> _EXERCISE GOAL_: Gather every line below where "steel" appears.

> _STUDY MATERIAL_:
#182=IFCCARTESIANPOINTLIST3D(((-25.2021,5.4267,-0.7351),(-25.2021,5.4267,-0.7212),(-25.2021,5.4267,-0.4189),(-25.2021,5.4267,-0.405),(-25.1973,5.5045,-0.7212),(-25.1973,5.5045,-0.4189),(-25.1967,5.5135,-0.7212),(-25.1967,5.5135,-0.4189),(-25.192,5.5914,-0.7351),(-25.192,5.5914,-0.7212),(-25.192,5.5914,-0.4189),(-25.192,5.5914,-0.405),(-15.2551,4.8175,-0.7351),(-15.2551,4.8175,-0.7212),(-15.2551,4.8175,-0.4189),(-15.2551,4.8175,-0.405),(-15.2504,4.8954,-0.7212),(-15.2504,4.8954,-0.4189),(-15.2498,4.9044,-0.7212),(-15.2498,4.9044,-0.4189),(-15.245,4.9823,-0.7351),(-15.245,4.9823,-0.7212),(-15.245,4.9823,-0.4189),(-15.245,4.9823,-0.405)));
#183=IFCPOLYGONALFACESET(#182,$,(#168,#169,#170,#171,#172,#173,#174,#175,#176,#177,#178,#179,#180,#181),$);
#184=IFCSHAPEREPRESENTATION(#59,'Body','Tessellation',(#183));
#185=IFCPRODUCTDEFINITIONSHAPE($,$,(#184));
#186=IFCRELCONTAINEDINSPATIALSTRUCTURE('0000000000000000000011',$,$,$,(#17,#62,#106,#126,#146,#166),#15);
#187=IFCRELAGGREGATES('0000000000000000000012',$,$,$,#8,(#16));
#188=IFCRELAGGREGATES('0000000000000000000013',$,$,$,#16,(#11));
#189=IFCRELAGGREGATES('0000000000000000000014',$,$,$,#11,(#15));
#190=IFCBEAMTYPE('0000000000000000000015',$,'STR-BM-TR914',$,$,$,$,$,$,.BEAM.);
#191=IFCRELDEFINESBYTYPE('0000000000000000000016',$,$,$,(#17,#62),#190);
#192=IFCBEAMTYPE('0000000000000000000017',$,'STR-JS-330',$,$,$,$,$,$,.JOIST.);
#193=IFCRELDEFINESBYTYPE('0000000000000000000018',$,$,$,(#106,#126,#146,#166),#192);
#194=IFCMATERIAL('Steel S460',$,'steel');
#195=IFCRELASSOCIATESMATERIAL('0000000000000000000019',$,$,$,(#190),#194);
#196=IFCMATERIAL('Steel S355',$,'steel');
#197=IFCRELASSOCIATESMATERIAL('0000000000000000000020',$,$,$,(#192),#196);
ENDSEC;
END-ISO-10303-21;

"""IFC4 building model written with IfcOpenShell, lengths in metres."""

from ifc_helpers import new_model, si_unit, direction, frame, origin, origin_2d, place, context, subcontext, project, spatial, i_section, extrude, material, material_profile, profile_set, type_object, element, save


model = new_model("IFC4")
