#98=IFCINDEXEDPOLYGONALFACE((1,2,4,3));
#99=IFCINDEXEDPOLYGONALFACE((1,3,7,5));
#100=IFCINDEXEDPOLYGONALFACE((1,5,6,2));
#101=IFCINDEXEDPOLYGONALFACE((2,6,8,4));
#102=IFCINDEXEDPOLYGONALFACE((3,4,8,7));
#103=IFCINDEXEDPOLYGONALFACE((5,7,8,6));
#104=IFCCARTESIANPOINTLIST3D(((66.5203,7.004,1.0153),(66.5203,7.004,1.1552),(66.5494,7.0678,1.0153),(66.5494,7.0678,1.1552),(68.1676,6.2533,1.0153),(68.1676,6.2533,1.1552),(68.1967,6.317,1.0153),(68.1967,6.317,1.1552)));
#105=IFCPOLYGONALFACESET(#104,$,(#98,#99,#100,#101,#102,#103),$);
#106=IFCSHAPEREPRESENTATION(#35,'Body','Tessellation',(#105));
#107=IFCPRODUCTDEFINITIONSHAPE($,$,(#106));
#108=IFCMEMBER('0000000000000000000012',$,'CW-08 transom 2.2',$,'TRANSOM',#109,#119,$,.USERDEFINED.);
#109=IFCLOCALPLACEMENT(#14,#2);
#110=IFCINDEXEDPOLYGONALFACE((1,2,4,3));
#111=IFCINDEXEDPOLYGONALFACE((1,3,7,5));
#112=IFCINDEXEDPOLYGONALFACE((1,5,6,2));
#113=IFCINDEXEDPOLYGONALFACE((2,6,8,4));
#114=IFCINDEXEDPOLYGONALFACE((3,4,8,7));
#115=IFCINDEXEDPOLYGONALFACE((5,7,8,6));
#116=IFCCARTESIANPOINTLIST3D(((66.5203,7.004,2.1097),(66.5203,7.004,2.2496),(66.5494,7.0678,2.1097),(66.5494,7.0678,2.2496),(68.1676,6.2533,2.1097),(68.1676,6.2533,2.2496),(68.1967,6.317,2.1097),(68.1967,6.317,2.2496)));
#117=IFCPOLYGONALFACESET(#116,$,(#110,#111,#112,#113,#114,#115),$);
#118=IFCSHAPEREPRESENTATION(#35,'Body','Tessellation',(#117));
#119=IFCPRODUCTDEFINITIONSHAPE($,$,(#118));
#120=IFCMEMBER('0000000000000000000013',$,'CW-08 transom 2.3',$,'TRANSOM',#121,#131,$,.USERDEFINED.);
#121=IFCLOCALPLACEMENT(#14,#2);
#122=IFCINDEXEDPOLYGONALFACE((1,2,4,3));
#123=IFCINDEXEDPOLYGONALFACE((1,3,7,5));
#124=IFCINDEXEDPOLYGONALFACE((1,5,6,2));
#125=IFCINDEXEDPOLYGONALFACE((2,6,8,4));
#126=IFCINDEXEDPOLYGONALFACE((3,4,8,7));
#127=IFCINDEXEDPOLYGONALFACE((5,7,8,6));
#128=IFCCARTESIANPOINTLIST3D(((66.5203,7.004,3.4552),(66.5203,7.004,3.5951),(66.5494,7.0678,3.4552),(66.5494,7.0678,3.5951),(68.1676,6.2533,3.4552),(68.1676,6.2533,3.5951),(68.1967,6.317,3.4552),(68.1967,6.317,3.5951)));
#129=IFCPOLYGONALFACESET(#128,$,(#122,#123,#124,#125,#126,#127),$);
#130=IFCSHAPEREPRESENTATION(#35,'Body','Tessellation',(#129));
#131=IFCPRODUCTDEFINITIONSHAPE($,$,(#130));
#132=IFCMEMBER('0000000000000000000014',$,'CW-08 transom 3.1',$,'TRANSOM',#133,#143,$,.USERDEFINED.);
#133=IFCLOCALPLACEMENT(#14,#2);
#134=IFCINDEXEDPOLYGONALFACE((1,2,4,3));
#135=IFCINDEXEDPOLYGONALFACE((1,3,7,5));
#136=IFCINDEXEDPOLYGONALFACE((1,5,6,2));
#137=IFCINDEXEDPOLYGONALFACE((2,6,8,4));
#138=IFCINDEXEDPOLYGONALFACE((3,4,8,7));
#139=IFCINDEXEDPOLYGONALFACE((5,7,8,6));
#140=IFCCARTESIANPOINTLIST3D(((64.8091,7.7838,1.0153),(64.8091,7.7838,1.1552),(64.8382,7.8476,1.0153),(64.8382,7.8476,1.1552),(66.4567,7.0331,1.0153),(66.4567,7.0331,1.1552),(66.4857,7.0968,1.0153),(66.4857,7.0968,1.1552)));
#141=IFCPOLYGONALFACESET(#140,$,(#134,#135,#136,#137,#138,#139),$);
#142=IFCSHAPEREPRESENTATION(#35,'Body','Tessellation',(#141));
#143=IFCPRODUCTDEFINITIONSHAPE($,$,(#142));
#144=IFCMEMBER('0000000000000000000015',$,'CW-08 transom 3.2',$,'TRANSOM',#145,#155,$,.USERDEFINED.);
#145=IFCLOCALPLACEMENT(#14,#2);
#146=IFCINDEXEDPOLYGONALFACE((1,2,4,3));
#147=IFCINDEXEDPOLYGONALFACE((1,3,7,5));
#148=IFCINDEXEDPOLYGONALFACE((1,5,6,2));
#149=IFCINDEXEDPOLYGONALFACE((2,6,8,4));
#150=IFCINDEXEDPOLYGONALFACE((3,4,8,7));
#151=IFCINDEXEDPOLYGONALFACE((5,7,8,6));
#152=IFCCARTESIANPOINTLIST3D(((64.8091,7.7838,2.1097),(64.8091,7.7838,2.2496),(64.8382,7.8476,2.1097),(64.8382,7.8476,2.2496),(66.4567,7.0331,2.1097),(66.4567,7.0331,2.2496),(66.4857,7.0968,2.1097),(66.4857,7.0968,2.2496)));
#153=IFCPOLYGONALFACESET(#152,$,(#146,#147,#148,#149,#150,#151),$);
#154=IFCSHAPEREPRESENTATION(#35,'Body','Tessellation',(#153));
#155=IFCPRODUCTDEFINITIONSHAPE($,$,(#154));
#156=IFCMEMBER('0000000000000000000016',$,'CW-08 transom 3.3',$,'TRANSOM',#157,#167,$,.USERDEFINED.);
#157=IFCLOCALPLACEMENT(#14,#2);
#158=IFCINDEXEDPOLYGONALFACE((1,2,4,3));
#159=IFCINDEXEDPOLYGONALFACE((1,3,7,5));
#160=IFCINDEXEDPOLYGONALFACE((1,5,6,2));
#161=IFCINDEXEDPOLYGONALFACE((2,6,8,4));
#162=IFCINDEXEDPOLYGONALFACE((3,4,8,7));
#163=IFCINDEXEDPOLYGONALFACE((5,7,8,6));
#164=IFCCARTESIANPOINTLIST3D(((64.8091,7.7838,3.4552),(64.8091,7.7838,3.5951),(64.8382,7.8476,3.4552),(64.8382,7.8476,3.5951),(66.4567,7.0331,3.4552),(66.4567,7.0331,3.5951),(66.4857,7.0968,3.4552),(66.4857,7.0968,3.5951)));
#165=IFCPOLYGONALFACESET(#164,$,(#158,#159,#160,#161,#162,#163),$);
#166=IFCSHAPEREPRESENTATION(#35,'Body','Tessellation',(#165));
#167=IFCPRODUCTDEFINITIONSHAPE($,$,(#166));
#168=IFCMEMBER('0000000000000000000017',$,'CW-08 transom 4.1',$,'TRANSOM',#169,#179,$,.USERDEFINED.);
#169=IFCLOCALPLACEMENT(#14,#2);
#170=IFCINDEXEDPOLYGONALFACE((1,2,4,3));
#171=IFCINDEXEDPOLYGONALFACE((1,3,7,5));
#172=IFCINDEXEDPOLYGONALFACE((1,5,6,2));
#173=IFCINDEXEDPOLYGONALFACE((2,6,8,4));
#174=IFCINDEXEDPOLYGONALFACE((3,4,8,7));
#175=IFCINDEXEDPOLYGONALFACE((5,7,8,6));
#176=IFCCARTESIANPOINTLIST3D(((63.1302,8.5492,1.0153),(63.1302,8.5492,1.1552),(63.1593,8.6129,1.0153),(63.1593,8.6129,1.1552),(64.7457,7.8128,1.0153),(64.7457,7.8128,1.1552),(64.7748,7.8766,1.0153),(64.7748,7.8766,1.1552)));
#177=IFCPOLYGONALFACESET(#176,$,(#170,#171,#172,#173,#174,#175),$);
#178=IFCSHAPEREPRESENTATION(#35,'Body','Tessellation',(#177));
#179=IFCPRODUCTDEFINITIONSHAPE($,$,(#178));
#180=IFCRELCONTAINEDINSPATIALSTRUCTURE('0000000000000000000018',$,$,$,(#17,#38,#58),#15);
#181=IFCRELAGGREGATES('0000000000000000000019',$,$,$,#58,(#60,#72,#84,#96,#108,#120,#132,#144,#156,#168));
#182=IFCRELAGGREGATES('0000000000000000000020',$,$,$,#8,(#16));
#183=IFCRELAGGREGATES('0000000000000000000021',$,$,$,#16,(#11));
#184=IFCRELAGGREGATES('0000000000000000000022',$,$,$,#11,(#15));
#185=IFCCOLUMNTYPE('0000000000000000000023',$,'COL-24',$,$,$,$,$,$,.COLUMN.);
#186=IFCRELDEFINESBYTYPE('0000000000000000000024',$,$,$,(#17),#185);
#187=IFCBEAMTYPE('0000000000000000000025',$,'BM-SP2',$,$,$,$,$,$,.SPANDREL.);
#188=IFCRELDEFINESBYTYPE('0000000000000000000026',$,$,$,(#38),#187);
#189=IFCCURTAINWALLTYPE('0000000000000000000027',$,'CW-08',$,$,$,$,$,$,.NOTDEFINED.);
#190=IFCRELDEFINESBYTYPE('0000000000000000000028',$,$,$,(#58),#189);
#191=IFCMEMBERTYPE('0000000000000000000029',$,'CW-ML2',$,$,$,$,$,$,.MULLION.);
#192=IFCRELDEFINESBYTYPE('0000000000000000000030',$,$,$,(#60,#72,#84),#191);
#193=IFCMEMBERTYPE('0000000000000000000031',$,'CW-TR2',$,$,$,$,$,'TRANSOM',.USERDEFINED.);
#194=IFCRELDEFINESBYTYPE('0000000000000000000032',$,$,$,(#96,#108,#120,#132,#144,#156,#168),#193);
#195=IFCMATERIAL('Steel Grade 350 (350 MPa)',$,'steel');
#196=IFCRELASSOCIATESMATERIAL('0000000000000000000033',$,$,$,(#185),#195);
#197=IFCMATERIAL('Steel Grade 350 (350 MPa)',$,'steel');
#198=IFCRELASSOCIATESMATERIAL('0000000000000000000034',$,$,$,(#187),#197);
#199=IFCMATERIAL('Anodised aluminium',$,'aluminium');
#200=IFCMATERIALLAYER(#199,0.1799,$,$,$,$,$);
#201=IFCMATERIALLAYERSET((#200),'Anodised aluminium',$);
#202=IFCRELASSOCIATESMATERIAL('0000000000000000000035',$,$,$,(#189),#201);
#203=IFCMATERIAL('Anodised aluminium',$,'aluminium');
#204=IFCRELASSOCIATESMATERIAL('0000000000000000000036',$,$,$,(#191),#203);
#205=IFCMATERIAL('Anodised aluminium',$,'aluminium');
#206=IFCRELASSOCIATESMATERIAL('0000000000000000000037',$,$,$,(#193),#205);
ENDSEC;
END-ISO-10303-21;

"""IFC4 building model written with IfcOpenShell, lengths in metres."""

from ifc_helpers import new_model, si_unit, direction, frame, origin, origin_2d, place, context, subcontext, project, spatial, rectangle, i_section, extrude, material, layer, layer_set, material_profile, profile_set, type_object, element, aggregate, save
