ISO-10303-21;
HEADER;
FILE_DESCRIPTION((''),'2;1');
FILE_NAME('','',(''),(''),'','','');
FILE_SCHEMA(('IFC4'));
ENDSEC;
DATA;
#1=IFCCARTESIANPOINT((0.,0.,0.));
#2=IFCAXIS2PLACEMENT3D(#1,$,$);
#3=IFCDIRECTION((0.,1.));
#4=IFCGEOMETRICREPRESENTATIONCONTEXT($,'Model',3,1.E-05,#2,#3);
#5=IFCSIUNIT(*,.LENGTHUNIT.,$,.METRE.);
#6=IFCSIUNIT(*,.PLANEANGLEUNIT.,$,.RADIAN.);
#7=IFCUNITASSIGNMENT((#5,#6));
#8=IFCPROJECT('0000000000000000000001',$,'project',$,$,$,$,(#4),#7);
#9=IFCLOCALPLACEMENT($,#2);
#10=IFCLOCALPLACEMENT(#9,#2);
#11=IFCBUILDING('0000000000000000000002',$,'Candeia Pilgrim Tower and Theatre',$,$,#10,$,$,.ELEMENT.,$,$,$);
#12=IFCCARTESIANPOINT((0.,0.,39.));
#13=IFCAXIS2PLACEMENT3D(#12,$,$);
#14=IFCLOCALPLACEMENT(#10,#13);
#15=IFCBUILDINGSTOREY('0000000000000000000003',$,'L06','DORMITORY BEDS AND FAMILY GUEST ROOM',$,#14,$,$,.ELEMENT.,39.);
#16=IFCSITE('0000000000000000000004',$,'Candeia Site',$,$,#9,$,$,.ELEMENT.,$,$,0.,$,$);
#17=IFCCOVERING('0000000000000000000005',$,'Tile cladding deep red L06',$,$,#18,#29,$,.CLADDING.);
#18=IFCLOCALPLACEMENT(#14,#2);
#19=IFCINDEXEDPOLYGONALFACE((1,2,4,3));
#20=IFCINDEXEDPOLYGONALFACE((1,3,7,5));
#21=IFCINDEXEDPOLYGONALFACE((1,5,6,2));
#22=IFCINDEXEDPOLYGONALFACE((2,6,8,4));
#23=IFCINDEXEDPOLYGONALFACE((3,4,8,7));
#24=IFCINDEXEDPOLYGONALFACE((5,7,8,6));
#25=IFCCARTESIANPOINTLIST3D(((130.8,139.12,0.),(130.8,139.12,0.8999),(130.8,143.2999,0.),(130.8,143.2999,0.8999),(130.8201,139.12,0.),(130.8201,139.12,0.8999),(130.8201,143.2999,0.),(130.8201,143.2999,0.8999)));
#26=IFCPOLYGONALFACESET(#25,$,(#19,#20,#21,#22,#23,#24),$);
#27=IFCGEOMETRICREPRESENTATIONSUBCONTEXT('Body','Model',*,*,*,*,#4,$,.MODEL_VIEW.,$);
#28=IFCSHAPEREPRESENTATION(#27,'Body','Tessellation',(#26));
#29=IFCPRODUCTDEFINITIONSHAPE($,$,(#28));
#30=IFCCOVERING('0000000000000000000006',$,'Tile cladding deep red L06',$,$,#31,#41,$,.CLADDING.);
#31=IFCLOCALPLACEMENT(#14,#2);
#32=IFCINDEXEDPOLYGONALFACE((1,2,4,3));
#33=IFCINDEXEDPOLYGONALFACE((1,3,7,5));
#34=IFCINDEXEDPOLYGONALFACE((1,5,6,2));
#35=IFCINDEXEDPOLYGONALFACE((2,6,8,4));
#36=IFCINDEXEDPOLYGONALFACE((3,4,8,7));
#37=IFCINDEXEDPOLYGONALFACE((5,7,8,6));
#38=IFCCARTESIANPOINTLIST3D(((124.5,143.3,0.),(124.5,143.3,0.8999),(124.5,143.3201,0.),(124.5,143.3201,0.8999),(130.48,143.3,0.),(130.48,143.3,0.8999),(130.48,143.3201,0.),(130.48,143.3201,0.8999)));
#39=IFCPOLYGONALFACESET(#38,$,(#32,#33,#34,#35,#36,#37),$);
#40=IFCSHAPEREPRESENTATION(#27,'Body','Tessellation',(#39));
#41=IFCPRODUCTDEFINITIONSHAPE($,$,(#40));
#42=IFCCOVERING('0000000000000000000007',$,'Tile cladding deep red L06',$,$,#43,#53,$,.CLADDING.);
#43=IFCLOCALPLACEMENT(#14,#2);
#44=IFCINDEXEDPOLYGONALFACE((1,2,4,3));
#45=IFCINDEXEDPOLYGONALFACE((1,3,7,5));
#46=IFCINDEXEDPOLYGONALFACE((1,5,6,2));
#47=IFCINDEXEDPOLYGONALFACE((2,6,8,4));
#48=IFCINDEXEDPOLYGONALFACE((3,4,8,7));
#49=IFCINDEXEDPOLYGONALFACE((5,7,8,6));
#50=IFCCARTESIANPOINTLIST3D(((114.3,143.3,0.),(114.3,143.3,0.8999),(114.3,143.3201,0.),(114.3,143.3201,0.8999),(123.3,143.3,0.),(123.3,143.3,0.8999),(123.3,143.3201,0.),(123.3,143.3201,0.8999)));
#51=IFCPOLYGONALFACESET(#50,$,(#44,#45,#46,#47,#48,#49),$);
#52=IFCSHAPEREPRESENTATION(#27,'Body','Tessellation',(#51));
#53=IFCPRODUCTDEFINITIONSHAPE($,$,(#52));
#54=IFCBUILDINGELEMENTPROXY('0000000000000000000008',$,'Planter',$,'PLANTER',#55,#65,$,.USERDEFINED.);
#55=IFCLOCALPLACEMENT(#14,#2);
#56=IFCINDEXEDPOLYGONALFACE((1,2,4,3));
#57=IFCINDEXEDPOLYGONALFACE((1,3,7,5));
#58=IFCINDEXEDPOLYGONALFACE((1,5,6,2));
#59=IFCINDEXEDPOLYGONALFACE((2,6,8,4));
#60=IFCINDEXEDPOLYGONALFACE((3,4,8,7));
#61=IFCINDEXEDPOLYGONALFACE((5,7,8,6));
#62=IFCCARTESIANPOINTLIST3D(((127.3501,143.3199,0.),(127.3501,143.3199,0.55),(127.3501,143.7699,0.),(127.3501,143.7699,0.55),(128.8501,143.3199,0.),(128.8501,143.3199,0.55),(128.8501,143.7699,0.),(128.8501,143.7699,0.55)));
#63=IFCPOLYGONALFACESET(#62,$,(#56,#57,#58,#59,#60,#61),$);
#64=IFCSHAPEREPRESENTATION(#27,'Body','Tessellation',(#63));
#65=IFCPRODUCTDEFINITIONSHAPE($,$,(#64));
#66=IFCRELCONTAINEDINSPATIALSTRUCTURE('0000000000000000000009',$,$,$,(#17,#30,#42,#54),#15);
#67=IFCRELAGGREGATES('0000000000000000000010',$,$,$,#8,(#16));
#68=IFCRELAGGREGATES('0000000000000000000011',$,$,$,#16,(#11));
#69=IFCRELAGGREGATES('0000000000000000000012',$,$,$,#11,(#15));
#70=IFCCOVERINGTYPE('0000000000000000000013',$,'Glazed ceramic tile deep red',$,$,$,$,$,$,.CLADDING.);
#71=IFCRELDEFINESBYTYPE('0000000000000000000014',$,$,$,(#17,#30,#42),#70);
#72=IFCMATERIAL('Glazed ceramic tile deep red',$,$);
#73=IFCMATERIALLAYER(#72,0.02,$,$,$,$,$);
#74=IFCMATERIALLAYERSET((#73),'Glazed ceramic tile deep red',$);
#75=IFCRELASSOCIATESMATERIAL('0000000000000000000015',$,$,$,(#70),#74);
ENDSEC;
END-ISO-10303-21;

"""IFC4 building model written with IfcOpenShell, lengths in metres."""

from ifc_helpers import new_model, si_unit, direction, frame, origin, origin_2d, place, context, subcontext, project, spatial, rectangle, extrude, material, layer, layer_set, type_object, element, save


model = new_model("IFC4")

# Units and contexts
model_context = context("Model", 3, precision=1e-05, world=origin(), true_north=direction((0.0, 1.0)))
body_context = subcontext(model_context, "Body", "Model", "MODEL_VIEW")
ifc_project = project(units=[si_unit("LENGTHUNIT", "METRE"), si_unit("PLANEANGLEUNIT", "RADIAN")], contexts=[model_context])

# Site, building, storey
site_placement = place(None, origin())
site = spatial("IfcSite", under=ifc_project, at=site_placement, Name="Candeia Site", CompositionType="ELEMENT", RefElevation=0.0)
building_placement = place(site_placement, origin())
building = spatial("IfcBuilding", under=site, at=building_placement, Name="Candeia Pilgrim Tower and Theatre", CompositionType="ELEMENT")
storey_placement = place(building_placement, frame((0.0, 0.0, 39.0)))
storey = spatial("IfcBuildingStorey", under=building, at=storey_placement, Name="L06", Description="DORMITORY BEDS AND FAMILY GUEST ROOM", CompositionType="ELEMENT", Elevation=39.0)

# Coverings
ifc_material_1 = material(Name="Glazed ceramic tile deep red")
ifc_layer_1 = layer(ifc_material_1, 0.02)
ifc_layer_set_1 = layer_set([ifc_layer_1], Name="Glazed ceramic tile deep red")
covering_type = type_object("IfcCoveringType", Name="Glazed ceramic tile deep red", PredefinedType="CLADDING", material=ifc_layer_set_1)
covering_1_placement = place(storey_placement, frame((130.8101, 141.21, 0.0), z_axis=(0.0, 0.0, 1.0), x_axis=(0.0, 1.0, 0.0)))
element("IfcCovering", 1, at=covering_1_placement, inside=storey, type_object=covering_type, Name="Tile cladding deep red L06", PredefinedType="CLADDING", context=body_context, shape_type="SweptSolid", body=[
    extrude(rectangle(XDim=4.1799, YDim=0.02, at=origin_2d()), origin(), (0.0, 0.0, 1.0), 0.8999),
])
covering_2_placement = place(storey_placement, frame((127.49, 143.3101, 0.0), z_axis=(0.0, 0.0, 1.0), x_axis=(-1.0, 0.0, 0.0)))
element("IfcCovering", 2, at=covering_2_placement, inside=storey, type_object=covering_type, Name="Tile cladding deep red L06", PredefinedType="CLADDING", context=body_context, shape_type="SweptSolid", body=[
    extrude(rectangle(XDim=5.98, YDim=0.02, at=origin_2d()), origin(), (0.0, 0.0, 1.0), 0.8999),
])
covering_3_placement = place(storey_placement, frame((118.8, 143.3101, 0.0), z_axis=(0.0, 0.0, 1.0), x_axis=(-1.0, 0.0, 0.0)))
element("IfcCovering", 3, at=covering_3_placement, inside=storey, type_object=covering_type, Name="Tile cladding deep red L06", PredefinedType="CLADDING", context=body_context, shape_type="SweptSolid", body=[
    extrude(rectangle(XDim=9.0, YDim=0.02, at=origin_2d()), origin(), (0.0, 0.0, 1.0), 0.8999),
])

# Building element proxy
proxy_placement = place(storey_placement, frame((128.1001, 143.5449, 0.0), z_axis=(0.0, 0.0, 1.0), x_axis=(-1.0, 0.0, 0.0)))
element("IfcBuildingElementProxy", 4, at=proxy_placement, inside=storey, Name="Planter", ObjectType="PLANTER", PredefinedType="USERDEFINED", context=body_context, shape_type="SweptSolid", body=[
    extrude(rectangle(XDim=1.5, YDim=0.45, at=origin_2d()), origin(), (0.0, 0.0, 1.0), 0.55),
])

save(model, "model.ifc")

> _RESPONSE_:
#194=IFCMATERIAL('Steel S460',$,'steel');
#196=IFCMATERIAL('Steel S355',$,'steel');
#195=IFCMATERIAL('Steel Grade 350 (350 MPa)',$,'steel');
#197=IFCMATERIAL('Steel Grade 350 (350 MPa)',$,'steel');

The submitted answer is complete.